# [Exercise data]
◆ ◆ ◆
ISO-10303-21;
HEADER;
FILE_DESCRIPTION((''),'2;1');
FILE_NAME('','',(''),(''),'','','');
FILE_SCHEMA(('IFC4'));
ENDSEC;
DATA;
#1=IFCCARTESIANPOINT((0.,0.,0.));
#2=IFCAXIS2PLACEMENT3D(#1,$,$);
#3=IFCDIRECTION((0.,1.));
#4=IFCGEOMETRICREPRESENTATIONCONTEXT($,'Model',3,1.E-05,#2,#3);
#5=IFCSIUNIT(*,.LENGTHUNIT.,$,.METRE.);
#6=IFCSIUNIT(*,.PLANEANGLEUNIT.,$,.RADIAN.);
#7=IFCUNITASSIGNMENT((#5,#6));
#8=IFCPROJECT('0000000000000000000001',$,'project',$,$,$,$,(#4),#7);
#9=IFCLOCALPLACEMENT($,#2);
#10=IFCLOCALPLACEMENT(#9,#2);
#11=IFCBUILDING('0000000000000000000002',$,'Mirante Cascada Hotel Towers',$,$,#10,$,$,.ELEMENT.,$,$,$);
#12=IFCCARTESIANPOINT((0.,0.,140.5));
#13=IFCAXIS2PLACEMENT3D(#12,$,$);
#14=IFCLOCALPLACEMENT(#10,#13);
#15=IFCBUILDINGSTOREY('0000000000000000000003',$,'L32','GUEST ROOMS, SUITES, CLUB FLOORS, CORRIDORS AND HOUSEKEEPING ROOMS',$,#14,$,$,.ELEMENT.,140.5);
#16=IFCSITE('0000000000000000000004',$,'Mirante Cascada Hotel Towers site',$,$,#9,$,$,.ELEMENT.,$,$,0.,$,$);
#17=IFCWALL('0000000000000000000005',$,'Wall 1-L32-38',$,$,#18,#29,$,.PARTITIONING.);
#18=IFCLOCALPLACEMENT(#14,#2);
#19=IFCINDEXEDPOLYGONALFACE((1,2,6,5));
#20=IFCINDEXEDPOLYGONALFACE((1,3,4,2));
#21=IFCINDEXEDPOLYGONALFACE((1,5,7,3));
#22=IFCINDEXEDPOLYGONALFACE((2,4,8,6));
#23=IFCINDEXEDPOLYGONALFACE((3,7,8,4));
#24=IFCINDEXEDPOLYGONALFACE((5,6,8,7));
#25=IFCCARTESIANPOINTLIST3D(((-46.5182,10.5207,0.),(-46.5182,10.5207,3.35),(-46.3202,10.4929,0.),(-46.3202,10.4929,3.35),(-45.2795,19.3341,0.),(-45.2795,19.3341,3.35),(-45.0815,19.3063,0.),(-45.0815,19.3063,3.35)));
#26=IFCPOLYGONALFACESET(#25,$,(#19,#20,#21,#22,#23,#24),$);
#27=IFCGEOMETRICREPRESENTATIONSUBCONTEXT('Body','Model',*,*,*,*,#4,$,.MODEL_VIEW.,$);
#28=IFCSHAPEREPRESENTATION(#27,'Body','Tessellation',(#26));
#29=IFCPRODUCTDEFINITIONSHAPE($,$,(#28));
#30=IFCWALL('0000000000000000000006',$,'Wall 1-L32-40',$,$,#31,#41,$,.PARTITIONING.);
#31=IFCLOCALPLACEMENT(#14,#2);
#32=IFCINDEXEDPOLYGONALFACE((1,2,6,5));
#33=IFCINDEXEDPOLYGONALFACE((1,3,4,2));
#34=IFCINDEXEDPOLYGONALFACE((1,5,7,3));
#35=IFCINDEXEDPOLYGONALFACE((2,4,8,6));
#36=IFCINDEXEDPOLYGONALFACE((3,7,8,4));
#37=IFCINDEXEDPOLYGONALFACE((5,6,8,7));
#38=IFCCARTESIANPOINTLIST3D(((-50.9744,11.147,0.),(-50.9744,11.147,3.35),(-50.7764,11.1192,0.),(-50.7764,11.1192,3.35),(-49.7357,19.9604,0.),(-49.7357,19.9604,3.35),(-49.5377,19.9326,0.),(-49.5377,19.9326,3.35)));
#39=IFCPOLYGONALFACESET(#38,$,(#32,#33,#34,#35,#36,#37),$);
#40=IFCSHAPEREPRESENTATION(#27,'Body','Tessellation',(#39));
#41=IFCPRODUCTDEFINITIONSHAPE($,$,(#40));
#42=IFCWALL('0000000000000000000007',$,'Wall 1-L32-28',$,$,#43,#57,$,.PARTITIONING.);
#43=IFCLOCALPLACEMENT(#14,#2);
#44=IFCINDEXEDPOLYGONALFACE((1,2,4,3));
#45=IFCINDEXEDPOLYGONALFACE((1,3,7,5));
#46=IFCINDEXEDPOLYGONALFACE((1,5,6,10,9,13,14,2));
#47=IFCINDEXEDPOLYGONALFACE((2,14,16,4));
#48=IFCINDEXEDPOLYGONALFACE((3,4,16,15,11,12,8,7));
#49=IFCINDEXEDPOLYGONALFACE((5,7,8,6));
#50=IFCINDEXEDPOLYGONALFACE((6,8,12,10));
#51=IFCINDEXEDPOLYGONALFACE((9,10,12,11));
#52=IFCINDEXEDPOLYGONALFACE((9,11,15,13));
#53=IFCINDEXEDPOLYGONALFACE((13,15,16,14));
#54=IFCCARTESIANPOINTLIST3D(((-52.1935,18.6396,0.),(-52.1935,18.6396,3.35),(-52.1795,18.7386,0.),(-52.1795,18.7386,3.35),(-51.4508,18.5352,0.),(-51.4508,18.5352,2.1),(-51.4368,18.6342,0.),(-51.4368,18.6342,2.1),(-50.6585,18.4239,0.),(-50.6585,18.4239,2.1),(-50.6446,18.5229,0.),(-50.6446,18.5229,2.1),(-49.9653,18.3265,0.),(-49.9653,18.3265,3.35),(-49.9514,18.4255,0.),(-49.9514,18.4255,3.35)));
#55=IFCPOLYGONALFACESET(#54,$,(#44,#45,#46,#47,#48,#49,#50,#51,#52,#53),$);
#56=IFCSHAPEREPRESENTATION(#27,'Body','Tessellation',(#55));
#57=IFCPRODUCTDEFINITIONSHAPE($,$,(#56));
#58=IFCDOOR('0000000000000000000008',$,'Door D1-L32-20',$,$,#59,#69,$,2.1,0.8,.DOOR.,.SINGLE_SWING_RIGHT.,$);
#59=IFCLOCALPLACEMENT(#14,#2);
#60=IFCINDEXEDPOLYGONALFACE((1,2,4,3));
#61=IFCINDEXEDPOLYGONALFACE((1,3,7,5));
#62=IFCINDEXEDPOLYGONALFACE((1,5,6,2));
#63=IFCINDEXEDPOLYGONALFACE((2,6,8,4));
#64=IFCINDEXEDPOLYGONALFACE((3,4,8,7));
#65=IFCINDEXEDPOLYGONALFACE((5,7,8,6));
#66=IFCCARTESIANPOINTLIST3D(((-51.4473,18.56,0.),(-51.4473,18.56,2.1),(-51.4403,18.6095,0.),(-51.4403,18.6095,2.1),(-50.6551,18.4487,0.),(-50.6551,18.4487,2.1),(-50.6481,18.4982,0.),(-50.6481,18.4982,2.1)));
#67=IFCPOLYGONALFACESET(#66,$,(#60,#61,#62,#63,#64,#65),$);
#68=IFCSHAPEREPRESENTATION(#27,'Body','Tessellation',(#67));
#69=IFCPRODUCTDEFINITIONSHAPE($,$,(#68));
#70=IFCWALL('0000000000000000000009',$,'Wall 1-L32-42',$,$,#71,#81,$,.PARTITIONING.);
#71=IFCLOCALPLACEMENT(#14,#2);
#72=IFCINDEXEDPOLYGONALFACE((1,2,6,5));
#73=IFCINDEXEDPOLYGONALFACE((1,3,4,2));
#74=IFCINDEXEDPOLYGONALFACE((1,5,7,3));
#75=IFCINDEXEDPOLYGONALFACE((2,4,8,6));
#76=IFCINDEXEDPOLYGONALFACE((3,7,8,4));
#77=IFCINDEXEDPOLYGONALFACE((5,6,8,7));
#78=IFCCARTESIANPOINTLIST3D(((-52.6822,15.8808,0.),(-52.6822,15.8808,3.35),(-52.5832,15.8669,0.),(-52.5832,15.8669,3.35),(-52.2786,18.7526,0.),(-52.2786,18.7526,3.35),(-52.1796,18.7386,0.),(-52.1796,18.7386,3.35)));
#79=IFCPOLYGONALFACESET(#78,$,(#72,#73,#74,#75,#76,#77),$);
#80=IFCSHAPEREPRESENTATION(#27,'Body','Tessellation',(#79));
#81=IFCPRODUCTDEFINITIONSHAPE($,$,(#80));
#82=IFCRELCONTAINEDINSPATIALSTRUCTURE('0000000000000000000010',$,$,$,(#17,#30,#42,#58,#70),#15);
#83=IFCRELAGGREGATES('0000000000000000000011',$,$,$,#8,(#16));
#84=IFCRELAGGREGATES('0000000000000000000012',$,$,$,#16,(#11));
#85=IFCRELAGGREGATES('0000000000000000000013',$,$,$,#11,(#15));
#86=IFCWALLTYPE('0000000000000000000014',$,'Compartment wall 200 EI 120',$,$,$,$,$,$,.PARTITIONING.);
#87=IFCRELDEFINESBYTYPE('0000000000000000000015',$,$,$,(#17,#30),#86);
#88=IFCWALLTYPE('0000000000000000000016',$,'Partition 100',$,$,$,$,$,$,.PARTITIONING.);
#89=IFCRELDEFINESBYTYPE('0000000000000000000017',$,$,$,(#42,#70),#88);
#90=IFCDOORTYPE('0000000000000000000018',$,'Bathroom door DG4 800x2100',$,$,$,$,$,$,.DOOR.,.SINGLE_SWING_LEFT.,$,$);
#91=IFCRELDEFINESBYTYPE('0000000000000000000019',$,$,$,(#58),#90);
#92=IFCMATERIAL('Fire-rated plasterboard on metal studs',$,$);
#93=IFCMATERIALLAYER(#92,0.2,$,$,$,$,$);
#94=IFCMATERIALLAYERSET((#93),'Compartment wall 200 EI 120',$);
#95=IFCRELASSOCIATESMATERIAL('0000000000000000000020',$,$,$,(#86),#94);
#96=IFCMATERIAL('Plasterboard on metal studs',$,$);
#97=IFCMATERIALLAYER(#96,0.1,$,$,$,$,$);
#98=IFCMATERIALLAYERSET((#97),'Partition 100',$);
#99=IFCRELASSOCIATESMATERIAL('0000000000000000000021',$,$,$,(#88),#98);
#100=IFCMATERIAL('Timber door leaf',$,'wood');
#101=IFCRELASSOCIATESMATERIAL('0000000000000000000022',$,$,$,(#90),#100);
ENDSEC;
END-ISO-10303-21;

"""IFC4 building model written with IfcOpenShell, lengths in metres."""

from ifc_helpers import new_model, si_unit, direction, frame, frame_2d, origin, place, context, subcontext, project, spatial, rectangle, extrude, material, layer, layer_set, type_object, element, fill, save


model = new_model("IFC4")

# Units and contexts
model_context = context("Model", 3, precision=1e-05, world=origin(), true_north=direction((0.0, 1.0)))
body_context = subcontext(model_context, "Body", "Model", "MODEL_VIEW")
ifc_project = project(units=[si_unit("LENGTHUNIT", "METRE"), si_unit("PLANEANGLEUNIT", "RADIAN")], contexts=[model_context])

# Site, building, storey
site_placement = place(None, origin())
site = spatial("IfcSite", under=ifc_project, at=site_placement, Name="Mirante Cascada Hotel Towers site", CompositionType="ELEMENT", RefElevation=0.0)
building_placement = place(site_placement, origin())
building = spatial("IfcBuilding", under=site, at=building_placement, Name="Mirante Cascada Hotel Towers", CompositionType="ELEMENT")
storey_placement = place(building_placement, frame((0.0, 0.0, 140.5)))
storey = spatial("IfcBuildingStorey", under=building, at=storey_placement, Name="L32", Description="GUEST ROOMS, SUITES, CLUB FLOORS, CORRIDORS AND HOUSEKEEPING ROOMS", CompositionType="ELEMENT", Elevation=140.5)

# Shared definitions
ifc_material_1 = material(Name="Fire-rated plasterboard on metal studs")
ifc_layer_1 = layer(ifc_material_1, 0.2)
ifc_layer_set_1 = layer_set([ifc_layer_1], Name="Compartment wall 200 EI 120")
wall_type_1 = type_object("IfcWallType", Name="Compartment wall 200 EI 120", PredefinedType="PARTITIONING", material=ifc_layer_set_1)

# Walls
for number, where, z_axis, x_axis, name in (
    (1, (-45.1805, 19.3202, 0.0), (0.0, 0.0, 1.0), (-0.139179, -0.990267, 0.0), "Wall 1-L32-38"),
    (2, (-49.6367, 19.9465, 0.0), (0.0, 0.0, 1.0), (-0.139179, -0.990267, 0.0), "Wall 1-L32-40"),
):
    element("IfcWall", number, at=place(storey_placement, frame(where, z_axis=z_axis, x_axis=x_axis)), inside=storey, type_object=wall_type_1, Name=name, PredefinedType="PARTITIONING", context=body_context, shape_type="SweptSolid", body=[
        extrude(rectangle(XDim=8.9, YDim=0.2, at=frame_2d((4.45, 0.0))), origin(), (0.0, 0.0, 1.0), 3.35),
    ])

# Wall, opening, door
ifc_material_2 = material(Name="Plasterboard on metal studs")
ifc_layer_2 = layer(ifc_material_2, 0.1)
ifc_layer_set_2 = layer_set([ifc_layer_2], Name="Partition 100")
wall_type_2 = type_object("IfcWallType", Name="Partition 100", PredefinedType="PARTITIONING", material=ifc_layer_set_2)
wall_1_placement = place(storey_placement, frame((-52.1865, 18.6891, 0.0), z_axis=(0.0, 0.0, 1.0), x_axis=(0.990271, -0.139156, 0.0)))
wall_1 = element("IfcWall", 3, at=wall_1_placement, inside=storey, type_object=wall_type_2, Name="Wall 1-L32-28", PredefinedType="PARTITIONING", context=body_context, shape_type="SweptSolid", body=[
    extrude(rectangle(XDim=2.25, YDim=0.1, at=frame_2d((1.125, 0.0))), origin(), (0.0, 0.0, 1.0), 3.35),
])
opening_1_placement = place(wall_1_placement, frame((0.75, 0.0, 0.0)))
opening_1 = element("IfcOpeningElement", 4, at=opening_1_placement, cuts=wall_1, PredefinedType="OPENING", context=body_context, shape_type="SweptSolid", body=[
    extrude(rectangle(XDim=0.8, YDim=2.1, at=frame_2d((0.4, 1.05))), frame((0.0, 0.05, 0.0), z_axis=(0.0, -1.0, 0.0), x_axis=(1.0, 0.0, 0.0)), (0.0, 0.0, 1.0), 0.1),
])
ifc_material_3 = material(Name="Timber door leaf", Category="wood")
door_type_1 = type_object("IfcDoorType", Name="Bathroom door DG4 800x2100", OperationType="SINGLE_SWING_LEFT", PredefinedType="DOOR", material=ifc_material_3)
door_1_placement = place(opening_1_placement, frame((0.8, 0.0, 0.0), z_axis=(0.0, 0.0, 1.0), x_axis=(-1.0, 0.0, 0.0)))
door_1 = element("IfcDoor", 5, at=door_1_placement, inside=storey, type_object=door_type_1, Name="Door D1-L32-20", OperationType="SINGLE_SWING_RIGHT", OverallHeight=2.1, OverallWidth=0.8, PredefinedType="DOOR", context=body_context, shape_type="SweptSolid", body=[
    extrude(rectangle(XDim=0.8, YDim=2.1, at=frame_2d((0.4, 1.05))), frame((0.0, 0.025, 0.0), z_axis=(0.0, -1.0, 0.0), x_axis=(1.0, 0.0, 0.0)), (0.0, 0.0, 1.0), 0.05),
])
fill(opening_1, door_1)

# Wall
wall_2_placement = place(storey_placement, frame((-52.2291, 18.7456, 0.0), z_axis=(0.0, 0.0, 1.0), x_axis=(-0.139171, -0.990268, 0.0)))
element("IfcWall", 6, at=wall_2_placement, inside=storey, type_object=wall_type_2, Name="Wall 1-L32-42", PredefinedType="PARTITIONING", context=body_context, shape_type="SweptSolid", body=[
    extrude(rectangle(XDim=2.9, YDim=0.1, at=frame_2d((1.45, 0.0))), origin(), (0.0, 0.0, 1.0), 3.35),
])

save(model, "model.ifc")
◆ ◆ ◆
# [Prompt]
Within the listing above, filter for lines holding the string "Tessellation" and copy each one.

# [Result]
#28=IFCSHAPEREPRESENTATION(#27,'Body','Tessellation',(#26));
#40=IFCSHAPEREPRESENTATION(#27,'Body','Tessellation',(#39));
#56=IFCSHAPEREPRESENTATION(#27,'Body','Tessellation',(#55));
#68=IFCSHAPEREPRESENTATION(#27,'Body','Tessellation',(#67));
#80=IFCSHAPEREPRESENTATION(#27,'Body','Tessellation',(#79));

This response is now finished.